**What to produce:** Return the lines below that carry the word "IFCRELCONTAINEDINSPATIALSTRUCTURE".

**Collected data entries:**
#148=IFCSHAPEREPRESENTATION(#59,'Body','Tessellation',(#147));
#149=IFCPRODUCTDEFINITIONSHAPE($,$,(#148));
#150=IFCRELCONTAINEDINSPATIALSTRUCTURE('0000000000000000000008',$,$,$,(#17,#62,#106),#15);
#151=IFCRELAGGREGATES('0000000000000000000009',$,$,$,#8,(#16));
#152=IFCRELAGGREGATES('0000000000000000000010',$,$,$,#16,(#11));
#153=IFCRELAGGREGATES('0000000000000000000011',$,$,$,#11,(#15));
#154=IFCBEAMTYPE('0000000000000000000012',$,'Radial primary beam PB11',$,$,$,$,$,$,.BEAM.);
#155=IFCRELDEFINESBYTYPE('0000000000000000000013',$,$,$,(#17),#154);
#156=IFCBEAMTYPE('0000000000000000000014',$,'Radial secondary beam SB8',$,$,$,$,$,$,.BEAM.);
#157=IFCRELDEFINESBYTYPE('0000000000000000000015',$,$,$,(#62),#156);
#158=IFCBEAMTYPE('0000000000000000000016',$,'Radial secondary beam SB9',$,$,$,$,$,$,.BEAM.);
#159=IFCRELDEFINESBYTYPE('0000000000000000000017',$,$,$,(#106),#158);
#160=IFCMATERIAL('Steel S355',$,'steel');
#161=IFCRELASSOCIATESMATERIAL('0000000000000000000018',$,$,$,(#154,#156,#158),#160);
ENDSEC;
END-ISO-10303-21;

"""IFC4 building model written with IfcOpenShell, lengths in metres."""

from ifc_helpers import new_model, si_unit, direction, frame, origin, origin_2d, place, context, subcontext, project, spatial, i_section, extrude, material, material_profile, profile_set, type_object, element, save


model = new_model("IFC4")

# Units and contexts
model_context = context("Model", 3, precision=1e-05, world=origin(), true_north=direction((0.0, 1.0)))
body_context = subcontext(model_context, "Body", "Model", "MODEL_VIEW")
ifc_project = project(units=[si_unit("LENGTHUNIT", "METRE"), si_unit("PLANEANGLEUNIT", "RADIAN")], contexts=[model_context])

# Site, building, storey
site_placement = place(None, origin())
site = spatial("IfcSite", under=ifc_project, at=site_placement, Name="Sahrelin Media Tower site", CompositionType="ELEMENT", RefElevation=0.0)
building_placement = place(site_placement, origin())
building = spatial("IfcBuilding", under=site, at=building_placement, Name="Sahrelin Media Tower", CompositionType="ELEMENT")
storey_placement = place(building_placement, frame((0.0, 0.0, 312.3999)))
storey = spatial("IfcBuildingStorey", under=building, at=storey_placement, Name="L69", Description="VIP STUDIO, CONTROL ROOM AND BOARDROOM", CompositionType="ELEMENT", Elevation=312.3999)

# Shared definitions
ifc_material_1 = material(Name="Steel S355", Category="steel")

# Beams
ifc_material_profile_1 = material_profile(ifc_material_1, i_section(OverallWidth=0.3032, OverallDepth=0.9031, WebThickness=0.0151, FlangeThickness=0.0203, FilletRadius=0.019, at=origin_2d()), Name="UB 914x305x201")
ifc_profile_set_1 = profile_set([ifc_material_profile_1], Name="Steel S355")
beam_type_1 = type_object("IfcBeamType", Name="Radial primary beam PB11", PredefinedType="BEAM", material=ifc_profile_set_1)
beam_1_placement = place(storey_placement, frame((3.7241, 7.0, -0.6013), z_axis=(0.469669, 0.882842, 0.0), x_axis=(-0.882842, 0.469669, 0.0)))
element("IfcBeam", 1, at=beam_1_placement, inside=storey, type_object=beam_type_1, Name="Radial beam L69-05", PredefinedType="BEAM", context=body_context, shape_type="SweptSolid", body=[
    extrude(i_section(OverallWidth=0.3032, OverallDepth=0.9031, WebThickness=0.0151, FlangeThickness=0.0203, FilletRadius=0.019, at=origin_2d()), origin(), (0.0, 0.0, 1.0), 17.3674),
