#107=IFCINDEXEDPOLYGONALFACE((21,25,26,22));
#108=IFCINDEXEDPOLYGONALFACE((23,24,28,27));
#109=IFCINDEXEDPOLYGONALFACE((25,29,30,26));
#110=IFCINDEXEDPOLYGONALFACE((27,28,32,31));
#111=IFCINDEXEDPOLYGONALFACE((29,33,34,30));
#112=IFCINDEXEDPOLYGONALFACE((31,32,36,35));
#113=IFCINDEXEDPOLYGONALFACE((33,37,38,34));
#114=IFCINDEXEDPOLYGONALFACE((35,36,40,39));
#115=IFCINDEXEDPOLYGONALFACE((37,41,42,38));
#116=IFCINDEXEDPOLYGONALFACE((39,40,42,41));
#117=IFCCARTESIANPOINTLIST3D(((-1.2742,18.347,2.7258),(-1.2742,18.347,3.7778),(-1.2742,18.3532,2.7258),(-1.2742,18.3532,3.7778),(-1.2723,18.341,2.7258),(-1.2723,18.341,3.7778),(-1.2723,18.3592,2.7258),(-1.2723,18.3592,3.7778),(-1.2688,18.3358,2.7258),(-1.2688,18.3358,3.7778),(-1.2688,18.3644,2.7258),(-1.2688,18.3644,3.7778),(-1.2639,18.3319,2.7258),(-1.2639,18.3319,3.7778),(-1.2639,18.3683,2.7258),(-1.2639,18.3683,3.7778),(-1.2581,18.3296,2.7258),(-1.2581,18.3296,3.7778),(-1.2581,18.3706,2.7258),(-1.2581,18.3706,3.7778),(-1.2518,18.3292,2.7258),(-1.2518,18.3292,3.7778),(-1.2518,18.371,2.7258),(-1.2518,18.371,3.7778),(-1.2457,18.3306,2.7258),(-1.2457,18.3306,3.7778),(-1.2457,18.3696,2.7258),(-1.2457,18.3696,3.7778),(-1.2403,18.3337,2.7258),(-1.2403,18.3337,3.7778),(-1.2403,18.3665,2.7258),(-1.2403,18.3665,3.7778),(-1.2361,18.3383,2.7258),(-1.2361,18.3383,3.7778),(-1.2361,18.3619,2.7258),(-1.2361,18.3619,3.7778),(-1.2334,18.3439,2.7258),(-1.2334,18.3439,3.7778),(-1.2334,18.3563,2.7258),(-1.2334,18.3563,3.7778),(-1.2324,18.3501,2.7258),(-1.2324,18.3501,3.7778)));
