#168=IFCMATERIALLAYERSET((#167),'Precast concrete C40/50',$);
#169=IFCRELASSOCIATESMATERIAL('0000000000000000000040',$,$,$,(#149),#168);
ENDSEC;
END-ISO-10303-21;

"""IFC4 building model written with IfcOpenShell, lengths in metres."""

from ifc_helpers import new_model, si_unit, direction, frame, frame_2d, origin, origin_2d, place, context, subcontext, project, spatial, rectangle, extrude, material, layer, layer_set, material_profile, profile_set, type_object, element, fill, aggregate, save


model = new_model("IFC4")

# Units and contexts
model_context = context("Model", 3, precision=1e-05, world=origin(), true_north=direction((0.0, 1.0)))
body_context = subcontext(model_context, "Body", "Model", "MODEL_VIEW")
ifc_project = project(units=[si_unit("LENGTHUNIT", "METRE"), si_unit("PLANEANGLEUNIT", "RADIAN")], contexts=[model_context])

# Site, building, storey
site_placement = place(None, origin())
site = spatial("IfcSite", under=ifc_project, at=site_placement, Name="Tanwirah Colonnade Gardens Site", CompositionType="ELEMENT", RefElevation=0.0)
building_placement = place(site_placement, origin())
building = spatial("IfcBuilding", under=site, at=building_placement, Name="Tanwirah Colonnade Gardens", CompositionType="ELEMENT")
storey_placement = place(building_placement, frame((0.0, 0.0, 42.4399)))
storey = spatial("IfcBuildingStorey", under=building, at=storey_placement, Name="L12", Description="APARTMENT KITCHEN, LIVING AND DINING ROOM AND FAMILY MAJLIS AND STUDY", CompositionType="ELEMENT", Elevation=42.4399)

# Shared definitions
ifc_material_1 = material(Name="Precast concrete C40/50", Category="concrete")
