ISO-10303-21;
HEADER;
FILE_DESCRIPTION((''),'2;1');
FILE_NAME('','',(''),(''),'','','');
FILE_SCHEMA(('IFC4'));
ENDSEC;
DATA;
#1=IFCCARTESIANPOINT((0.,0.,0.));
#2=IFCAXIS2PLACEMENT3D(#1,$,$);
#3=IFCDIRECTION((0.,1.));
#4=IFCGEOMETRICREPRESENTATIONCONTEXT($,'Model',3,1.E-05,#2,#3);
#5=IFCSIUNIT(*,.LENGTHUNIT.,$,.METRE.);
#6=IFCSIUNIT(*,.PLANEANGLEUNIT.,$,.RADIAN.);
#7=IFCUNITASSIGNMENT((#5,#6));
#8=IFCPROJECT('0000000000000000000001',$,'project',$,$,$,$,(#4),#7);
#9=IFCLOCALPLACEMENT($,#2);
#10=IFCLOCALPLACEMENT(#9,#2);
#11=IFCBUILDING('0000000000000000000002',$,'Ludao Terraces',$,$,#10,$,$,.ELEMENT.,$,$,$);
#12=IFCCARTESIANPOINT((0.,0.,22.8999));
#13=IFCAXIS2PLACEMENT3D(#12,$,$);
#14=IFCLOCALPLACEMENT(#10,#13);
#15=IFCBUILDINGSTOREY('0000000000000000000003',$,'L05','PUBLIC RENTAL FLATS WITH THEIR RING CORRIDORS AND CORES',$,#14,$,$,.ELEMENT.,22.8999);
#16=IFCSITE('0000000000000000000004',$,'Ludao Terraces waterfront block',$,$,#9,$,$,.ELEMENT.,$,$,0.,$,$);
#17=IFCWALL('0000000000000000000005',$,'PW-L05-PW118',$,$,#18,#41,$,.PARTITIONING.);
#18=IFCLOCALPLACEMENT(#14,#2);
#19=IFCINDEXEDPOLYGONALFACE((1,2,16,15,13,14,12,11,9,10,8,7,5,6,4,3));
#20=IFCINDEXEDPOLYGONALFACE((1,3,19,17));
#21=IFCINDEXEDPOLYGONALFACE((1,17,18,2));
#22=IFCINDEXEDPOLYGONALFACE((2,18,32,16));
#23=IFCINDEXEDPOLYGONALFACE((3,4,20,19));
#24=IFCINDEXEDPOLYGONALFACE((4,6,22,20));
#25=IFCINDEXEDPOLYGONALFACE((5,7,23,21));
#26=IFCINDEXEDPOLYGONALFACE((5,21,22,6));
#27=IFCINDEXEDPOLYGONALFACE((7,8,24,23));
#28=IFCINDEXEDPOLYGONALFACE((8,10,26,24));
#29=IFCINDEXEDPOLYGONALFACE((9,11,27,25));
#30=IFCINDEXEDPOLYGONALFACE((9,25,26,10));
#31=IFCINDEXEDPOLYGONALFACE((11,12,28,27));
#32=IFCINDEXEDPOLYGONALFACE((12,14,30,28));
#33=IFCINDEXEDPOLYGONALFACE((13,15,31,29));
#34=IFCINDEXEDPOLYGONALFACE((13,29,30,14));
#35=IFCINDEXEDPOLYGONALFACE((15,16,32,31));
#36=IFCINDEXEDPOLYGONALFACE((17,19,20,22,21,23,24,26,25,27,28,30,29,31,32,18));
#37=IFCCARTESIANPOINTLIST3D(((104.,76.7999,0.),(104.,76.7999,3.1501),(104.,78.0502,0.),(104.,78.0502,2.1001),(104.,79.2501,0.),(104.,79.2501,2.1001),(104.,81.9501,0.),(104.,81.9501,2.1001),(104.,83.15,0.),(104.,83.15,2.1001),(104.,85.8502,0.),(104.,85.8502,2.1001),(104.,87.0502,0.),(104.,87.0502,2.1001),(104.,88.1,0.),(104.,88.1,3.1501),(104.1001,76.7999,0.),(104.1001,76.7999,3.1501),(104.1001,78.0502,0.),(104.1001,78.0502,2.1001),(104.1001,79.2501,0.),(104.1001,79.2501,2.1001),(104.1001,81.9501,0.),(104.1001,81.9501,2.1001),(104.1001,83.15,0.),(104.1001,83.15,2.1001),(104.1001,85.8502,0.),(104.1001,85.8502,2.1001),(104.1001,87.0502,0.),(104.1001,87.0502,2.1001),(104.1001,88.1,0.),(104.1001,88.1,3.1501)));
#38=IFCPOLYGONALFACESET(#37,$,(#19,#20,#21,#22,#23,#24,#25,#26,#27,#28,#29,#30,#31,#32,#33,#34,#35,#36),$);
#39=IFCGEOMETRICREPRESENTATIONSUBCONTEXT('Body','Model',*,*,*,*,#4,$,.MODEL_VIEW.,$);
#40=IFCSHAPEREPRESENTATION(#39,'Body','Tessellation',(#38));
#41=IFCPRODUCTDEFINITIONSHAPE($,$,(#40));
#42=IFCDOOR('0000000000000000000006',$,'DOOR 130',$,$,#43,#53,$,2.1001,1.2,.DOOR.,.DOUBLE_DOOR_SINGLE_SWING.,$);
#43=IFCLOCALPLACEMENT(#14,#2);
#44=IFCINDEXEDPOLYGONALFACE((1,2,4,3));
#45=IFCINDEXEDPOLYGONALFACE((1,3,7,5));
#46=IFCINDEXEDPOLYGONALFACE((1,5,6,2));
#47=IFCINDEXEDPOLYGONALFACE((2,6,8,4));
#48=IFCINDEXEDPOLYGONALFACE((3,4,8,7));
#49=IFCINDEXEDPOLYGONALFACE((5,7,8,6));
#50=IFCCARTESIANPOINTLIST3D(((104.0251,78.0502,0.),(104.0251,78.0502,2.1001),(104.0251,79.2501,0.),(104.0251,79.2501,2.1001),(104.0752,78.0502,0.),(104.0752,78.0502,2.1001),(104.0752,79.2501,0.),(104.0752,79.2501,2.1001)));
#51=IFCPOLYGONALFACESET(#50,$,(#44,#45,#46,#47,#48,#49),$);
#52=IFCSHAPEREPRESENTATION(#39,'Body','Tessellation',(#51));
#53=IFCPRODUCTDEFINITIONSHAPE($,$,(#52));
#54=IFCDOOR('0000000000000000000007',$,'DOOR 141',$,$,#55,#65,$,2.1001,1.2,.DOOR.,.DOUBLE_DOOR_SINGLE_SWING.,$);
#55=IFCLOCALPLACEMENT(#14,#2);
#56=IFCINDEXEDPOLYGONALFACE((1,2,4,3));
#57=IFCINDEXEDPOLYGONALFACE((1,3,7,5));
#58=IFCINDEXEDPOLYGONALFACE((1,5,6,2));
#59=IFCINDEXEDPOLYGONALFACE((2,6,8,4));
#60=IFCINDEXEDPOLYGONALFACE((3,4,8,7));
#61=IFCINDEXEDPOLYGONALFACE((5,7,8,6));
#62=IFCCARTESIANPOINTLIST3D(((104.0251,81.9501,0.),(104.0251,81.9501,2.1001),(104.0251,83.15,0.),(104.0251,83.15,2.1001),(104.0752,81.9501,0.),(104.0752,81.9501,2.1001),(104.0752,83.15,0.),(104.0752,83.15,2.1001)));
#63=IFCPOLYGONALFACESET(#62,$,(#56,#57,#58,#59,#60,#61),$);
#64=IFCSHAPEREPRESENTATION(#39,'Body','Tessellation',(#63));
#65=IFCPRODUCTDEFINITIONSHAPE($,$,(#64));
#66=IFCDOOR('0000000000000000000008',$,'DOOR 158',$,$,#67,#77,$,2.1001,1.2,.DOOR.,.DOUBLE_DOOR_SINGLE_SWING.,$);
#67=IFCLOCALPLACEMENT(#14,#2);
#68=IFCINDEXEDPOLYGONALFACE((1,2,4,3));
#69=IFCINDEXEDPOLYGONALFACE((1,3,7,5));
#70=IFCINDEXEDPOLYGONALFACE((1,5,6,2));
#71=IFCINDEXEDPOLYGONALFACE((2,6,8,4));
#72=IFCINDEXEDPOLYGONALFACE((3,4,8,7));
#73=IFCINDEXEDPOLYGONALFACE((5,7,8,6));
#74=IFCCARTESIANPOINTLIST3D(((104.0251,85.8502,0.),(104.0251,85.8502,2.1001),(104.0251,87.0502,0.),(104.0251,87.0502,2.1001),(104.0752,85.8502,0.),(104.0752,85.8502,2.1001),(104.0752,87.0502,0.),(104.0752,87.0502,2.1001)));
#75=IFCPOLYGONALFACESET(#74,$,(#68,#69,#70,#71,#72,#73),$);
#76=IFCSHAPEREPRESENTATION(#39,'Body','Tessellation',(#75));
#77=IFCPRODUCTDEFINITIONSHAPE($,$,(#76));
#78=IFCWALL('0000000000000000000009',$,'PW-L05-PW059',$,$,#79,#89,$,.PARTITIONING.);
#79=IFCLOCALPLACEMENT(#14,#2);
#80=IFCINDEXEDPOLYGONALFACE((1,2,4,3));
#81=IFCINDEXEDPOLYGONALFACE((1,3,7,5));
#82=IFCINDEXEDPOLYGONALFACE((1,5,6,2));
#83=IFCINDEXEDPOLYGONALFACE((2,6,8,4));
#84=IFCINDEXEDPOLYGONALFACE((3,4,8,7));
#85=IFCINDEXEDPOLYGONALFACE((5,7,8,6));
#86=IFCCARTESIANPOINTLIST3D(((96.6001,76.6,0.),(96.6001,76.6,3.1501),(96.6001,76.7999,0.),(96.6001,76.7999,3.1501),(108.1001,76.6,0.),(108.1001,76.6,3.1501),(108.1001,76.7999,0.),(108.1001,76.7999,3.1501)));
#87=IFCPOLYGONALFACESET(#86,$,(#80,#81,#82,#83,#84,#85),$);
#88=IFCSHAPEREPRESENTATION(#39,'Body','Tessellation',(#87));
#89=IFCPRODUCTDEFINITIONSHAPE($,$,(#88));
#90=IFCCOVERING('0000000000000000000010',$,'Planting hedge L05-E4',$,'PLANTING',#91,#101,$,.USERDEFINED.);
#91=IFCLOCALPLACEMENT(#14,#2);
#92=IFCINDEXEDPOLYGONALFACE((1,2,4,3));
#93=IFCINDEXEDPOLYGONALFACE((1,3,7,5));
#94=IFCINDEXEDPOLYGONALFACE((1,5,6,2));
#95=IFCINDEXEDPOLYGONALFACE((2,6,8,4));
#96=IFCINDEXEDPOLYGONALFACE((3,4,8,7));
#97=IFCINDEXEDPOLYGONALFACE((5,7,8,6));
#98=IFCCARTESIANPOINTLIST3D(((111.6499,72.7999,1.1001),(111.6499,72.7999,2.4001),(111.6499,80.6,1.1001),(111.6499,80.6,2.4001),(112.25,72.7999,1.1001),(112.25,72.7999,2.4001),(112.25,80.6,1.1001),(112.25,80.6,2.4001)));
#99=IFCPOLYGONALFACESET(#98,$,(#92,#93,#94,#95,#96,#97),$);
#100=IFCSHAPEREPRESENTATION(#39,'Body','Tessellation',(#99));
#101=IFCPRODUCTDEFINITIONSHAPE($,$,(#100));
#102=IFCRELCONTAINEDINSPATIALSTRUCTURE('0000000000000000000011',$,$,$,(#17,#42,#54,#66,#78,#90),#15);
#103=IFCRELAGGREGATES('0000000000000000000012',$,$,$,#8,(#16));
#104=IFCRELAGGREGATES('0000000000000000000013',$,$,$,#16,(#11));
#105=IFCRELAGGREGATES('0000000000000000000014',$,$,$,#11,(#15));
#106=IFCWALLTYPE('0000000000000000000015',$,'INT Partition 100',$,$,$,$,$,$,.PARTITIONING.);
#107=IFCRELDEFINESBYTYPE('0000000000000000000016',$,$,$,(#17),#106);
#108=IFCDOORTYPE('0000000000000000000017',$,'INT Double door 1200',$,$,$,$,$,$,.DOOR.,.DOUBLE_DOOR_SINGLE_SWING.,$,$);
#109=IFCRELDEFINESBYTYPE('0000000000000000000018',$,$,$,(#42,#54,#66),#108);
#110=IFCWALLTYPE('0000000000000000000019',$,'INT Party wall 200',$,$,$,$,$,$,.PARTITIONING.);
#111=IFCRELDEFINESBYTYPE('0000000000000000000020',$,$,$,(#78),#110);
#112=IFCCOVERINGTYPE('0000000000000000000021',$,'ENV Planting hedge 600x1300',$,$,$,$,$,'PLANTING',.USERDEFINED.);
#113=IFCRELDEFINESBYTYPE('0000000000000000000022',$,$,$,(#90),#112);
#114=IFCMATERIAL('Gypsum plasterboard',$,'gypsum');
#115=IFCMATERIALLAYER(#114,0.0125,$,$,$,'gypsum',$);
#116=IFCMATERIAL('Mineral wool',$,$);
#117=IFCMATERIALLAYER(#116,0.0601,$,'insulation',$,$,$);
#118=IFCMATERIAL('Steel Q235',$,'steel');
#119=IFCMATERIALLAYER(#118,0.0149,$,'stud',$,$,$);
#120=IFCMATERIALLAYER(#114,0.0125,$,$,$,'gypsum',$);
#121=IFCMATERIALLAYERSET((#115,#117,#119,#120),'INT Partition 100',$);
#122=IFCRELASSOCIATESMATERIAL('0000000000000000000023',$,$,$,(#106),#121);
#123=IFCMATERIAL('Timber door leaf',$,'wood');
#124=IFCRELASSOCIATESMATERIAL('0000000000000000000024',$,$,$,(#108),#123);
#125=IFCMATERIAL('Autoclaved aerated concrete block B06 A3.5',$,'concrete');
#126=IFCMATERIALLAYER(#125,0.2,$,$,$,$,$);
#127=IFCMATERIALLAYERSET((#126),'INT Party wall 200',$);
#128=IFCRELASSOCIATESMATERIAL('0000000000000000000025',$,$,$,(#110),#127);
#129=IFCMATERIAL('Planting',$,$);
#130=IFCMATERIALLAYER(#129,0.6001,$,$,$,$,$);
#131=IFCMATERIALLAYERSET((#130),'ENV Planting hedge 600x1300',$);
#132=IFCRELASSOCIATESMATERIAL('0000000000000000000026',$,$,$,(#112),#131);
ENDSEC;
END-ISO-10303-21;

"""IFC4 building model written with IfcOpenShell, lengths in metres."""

from ifc_helpers import new_model, si_unit, direction, frame, frame_2d, origin, origin_2d, place, context, subcontext, project, spatial, rectangle, extrude, material, layer, layer_set, type_object, element, fill, save


model = new_model("IFC4")

# Units and contexts
model_context = context("Model", 3, precision=1e-05, world=origin(), true_north=direction((0.0, 1.0)))
body_context = subcontext(model_context, "Body", "Model", "MODEL_VIEW")
ifc_project = project(units=[si_unit("LENGTHUNIT", "METRE"), si_unit("PLANEANGLEUNIT", "RADIAN")], contexts=[model_context])

# Site, building, storey
site_placement = place(None, origin())
site = spatial("IfcSite", under=ifc_project, at=site_placement, Name="Ludao Terraces waterfront block", CompositionType="ELEMENT", RefElevation=0.0)
building_placement = place(site_placement, origin())
building = spatial("IfcBuilding", under=site, at=building_placement, Name="Ludao Terraces", CompositionType="ELEMENT")
storey_placement = place(building_placement, frame((0.0, 0.0, 22.8999)))
storey = spatial("IfcBuildingStorey", under=building, at=storey_placement, Name="L05", Description="PUBLIC RENTAL FLATS WITH THEIR RING CORRIDORS AND CORES", CompositionType="ELEMENT", Elevation=22.8999)

# Shared definitions
ifc_material_1 = material(Name="Mineral wool")

# Shared definitions
ifc_material_2 = material(Name="Gypsum plasterboard", Category="gypsum")
ifc_layer_1 = layer(ifc_material_2, 0.0125, Category="gypsum")
ifc_layer_2 = layer(ifc_material_1, 0.0601, Name="insulation")
ifc_material_3 = material(Name="Steel Q235", Category="steel")
ifc_layer_3 = layer(ifc_material_3, 0.0149, Name="stud")
ifc_layer_4 = layer(ifc_material_2, 0.0125, Category="gypsum")
ifc_layer_set_1 = layer_set([ifc_layer_1, ifc_layer_2, ifc_layer_3, ifc_layer_4], Name="INT Partition 100")
wall_type_1 = type_object("IfcWallType", Name="INT Partition 100", PredefinedType="PARTITIONING", material=ifc_layer_set_1)

# Wall, openings, doors
wall_1_placement = place(storey_placement, frame((104.05, 76.8, 0.0), z_axis=(0.0, 0.0, 1.0), x_axis=(0.0, 1.0, 0.0)))
wall_1 = element("IfcWall", 1, at=wall_1_placement, inside=storey, type_object=wall_type_1, Name="PW-L05-PW118", PredefinedType="PARTITIONING", context=body_context, shape_type="SweptSolid", body=[
    extrude(rectangle(XDim=11.3, YDim=0.1001, at=frame_2d((5.6499, 0.0))), origin(), (0.0, 0.0, 1.0), 3.1501),
])
opening_1_placement = place(wall_1_placement, frame((1.25, 0.0, 0.0)))
opening_1 = element("IfcOpeningElement", 2, at=opening_1_placement, cuts=wall_1, PredefinedType="OPENING", context=body_context, shape_type="SweptSolid", body=[
    extrude(rectangle(XDim=1.2, YDim=2.1001, at=frame_2d((0.6001, 1.05))), frame((0.0, 0.0601, 0.0), z_axis=(0.0, -1.0, 0.0), x_axis=(1.0, 0.0, 0.0)), (0.0, 0.0, 1.0), 0.1201),
])
opening_2_placement = place(wall_1_placement, frame((5.1499, 0.0, 0.0)))
opening_2 = element("IfcOpeningElement", 3, at=opening_2_placement, cuts=wall_1, PredefinedType="OPENING", context=body_context, shape_type="SweptSolid", body=[
    extrude(rectangle(XDim=1.2, YDim=2.1001, at=frame_2d((0.6001, 1.05))), frame((0.0, 0.0601, 0.0), z_axis=(0.0, -1.0, 0.0), x_axis=(1.0, 0.0, 0.0)), (0.0, 0.0, 1.0), 0.1201),
])
opening_3_placement = place(wall_1_placement, frame((9.05, 0.0, 0.0)))
opening_3 = element("IfcOpeningElement", 4, at=opening_3_placement, cuts=wall_1, PredefinedType="OPENING", context=body_context, shape_type="SweptSolid", body=[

**Reply:**
#150=IFCRELCONTAINEDINSPATIALSTRUCTURE('0000000000000000000008',$,$,$,(#17,#62,#106),#15);
#102=IFCRELCONTAINEDINSPATIALSTRUCTURE('0000000000000000000011',$,$,$,(#17,#42,#54,#66,#78,#90),#15);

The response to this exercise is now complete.